What is being asked = May I have the line containing "#105=IFCINDEXEDPOLYGONALFACE((13,15,16,14));" and every line after it through the end of the data, repeated exactly and with no other lines?
··· The data
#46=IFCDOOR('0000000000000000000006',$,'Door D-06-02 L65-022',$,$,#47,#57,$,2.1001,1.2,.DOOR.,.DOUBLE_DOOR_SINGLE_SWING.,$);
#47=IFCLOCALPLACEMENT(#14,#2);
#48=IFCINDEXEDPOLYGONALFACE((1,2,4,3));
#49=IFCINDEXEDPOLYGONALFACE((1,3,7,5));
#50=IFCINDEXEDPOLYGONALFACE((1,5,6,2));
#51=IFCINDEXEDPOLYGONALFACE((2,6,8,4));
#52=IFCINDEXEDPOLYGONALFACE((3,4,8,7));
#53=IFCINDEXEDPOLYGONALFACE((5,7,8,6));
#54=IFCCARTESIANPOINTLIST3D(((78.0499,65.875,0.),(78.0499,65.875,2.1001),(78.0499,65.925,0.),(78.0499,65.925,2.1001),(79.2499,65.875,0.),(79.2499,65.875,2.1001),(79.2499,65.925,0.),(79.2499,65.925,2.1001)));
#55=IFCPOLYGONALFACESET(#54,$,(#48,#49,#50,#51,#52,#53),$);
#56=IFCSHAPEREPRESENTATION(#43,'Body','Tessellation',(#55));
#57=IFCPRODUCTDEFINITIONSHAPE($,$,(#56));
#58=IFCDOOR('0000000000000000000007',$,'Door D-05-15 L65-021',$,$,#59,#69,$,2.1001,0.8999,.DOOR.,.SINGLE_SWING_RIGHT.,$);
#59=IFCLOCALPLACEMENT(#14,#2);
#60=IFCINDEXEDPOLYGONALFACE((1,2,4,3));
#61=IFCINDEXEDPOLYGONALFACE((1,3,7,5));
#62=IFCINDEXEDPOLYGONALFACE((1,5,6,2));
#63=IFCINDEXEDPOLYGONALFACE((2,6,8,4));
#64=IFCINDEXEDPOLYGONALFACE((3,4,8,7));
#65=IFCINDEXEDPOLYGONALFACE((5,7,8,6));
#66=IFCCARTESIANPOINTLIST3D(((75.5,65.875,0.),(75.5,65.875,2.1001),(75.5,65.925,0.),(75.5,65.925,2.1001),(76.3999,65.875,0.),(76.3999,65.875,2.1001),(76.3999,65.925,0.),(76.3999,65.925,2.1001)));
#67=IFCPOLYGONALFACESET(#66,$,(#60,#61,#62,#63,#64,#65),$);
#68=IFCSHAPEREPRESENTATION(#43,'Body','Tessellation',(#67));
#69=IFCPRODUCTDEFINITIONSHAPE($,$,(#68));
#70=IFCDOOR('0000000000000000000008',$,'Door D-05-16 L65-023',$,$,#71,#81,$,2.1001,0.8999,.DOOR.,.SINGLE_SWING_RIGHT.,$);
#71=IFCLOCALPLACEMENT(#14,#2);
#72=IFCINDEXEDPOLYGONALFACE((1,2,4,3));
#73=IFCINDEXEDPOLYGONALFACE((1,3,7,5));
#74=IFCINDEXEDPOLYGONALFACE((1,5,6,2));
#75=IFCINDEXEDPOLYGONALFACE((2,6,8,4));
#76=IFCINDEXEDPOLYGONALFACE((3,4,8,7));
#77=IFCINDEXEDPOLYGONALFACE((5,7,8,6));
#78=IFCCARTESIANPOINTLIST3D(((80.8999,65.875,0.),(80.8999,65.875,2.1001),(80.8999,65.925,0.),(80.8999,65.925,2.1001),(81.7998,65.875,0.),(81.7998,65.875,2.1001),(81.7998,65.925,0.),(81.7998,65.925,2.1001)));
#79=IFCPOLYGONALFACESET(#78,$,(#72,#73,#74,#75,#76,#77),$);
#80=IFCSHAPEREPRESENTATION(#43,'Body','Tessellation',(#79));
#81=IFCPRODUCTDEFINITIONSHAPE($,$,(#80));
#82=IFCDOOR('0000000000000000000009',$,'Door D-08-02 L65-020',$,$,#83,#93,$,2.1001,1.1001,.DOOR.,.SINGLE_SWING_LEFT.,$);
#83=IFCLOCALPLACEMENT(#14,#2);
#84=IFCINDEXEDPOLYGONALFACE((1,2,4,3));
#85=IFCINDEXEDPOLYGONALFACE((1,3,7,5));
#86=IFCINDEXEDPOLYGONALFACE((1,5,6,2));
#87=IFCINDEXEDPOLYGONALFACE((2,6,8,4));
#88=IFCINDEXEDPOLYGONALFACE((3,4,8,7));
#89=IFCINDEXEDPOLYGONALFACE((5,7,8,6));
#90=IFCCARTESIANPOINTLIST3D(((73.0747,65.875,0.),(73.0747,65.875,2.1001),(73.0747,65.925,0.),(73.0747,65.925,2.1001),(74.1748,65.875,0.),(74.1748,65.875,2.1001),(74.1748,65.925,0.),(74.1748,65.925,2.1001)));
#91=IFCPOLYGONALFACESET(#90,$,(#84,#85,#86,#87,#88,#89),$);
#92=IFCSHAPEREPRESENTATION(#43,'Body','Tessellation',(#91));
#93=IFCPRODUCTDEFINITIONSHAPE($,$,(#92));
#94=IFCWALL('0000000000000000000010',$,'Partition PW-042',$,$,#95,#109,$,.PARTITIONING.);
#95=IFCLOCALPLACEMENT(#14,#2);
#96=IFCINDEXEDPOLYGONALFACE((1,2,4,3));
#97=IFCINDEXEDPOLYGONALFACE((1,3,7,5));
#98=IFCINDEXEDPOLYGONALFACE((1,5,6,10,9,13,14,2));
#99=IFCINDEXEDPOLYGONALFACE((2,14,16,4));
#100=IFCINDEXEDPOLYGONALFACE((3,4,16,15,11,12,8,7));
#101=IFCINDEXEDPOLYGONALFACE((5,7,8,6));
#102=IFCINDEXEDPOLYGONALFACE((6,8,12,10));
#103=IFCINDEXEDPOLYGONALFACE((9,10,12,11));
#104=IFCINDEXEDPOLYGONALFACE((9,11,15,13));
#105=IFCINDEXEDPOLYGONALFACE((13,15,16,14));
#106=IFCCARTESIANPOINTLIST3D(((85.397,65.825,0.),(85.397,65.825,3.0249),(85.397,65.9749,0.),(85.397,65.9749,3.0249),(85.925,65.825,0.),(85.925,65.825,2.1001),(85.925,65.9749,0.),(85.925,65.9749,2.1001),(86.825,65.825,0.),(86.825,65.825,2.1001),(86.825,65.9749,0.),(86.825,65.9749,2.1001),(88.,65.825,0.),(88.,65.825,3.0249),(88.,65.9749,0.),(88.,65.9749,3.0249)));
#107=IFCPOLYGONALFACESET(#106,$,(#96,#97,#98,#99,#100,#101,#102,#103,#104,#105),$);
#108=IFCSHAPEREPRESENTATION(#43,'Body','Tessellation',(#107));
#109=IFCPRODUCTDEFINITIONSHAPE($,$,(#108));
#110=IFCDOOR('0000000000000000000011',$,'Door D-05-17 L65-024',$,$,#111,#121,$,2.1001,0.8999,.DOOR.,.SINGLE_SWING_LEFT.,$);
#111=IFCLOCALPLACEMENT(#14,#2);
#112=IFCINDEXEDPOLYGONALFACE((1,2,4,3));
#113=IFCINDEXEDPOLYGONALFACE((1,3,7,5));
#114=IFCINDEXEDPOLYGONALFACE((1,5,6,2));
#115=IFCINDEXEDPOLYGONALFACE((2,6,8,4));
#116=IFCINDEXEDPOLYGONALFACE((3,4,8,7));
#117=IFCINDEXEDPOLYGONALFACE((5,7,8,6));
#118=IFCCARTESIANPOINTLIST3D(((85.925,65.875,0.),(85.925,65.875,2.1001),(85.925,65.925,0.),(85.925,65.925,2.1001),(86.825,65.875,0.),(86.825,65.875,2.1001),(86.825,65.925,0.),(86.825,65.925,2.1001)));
······
Task solution =
#105=IFCINDEXEDPOLYGONALFACE((13,15,16,14));
#106=IFCCARTESIANPOINTLIST3D(((85.397,65.825,0.),(85.397,65.825,3.0249),(85.397,65.9749,0.),(85.397,65.9749,3.0249),(85.925,65.825,0.),(85.925,65.825,2.1001),(85.925,65.9749,0.),(85.925,65.9749,2.1001),(86.825,65.825,0.),(86.825,65.825,2.1001),(86.825,65.9749,0.),(86.825,65.9749,2.1001),(88.,65.825,0.),(88.,65.825,3.0249),(88.,65.9749,0.),(88.,65.9749,3.0249)));
#107=IFCPOLYGONALFACESET(#106,$,(#96,#97,#98,#99,#100,#101,#102,#103,#104,#105),$);
#108=IFCSHAPEREPRESENTATION(#43,'Body','Tessellation',(#107));
#109=IFCPRODUCTDEFINITIONSHAPE($,$,(#108));
#110=IFCDOOR('0000000000000000000011',$,'Door D-05-17 L65-024',$,$,#111,#121,$,2.1001,0.8999,.DOOR.,.SINGLE_SWING_LEFT.,$);
#111=IFCLOCALPLACEMENT(#14,#2);
#112=IFCINDEXEDPOLYGONALFACE((1,2,4,3));
#113=IFCINDEXEDPOLYGONALFACE((1,3,7,5));
#114=IFCINDEXEDPOLYGONALFACE((1,5,6,2));
#115=IFCINDEXEDPOLYGONALFACE((2,6,8,4));
#116=IFCINDEXEDPOLYGONALFACE((3,4,8,7));
#117=IFCINDEXEDPOLYGONALFACE((5,7,8,6));
#118=IFCCARTESIANPOINTLIST3D(((85.925,65.875,0.),(85.925,65.875,2.1001),(85.925,65.925,0.),(85.925,65.925,2.1001),(86.825,65.875,0.),(86.825,65.875,2.1001),(86.825,65.925,0.),(86.825,65.925,2.1001)));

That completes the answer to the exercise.